■ **GIVEN RECORDS**:
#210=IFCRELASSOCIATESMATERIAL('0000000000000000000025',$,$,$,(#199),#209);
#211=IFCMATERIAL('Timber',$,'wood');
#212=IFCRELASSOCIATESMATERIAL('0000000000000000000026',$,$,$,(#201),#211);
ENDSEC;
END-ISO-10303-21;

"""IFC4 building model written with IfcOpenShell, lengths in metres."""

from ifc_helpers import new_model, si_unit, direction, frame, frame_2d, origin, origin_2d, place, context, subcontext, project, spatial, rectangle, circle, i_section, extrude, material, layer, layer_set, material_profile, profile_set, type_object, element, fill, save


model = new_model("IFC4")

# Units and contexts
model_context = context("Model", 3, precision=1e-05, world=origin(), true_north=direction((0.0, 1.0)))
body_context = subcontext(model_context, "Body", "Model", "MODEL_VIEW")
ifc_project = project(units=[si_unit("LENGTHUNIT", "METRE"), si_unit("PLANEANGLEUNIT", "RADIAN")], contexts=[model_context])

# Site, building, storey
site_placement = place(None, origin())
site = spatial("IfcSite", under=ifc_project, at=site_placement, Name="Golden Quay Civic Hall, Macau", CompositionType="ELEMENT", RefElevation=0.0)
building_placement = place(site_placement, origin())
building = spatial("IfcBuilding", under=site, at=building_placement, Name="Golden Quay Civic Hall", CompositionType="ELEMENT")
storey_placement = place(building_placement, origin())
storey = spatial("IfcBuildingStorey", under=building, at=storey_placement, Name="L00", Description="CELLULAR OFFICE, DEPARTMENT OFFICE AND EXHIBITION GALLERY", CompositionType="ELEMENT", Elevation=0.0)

■ **ASSIGNED TASK**:
From the data above, output only the lines between the line containing "world=origin(), true_north=direction((0.0, 1.0)))" and the line containing "storey_placement = place(building_placement, origin())", inclusive, exactly as written.

■ **PROBLEM SOLUTION**:
model_context = context("Model", 3, precision=1e-05, world=origin(), true_north=direction((0.0, 1.0)))
body_context = subcontext(model_context, "Body", "Model", "MODEL_VIEW")
ifc_project = project(units=[si_unit("LENGTHUNIT", "METRE"), si_unit("PLANEANGLEUNIT", "RADIAN")], contexts=[model_context])

# Site, building, storey
site_placement = place(None, origin())
site = spatial("IfcSite", under=ifc_project, at=site_placement, Name="Golden Quay Civic Hall, Macau", CompositionType="ELEMENT", RefElevation=0.0)
building_placement = place(site_placement, origin())
building = spatial("IfcBuilding", under=site, at=building_placement, Name="Golden Quay Civic Hall", CompositionType="ELEMENT")
storey_placement = place(building_placement, origin())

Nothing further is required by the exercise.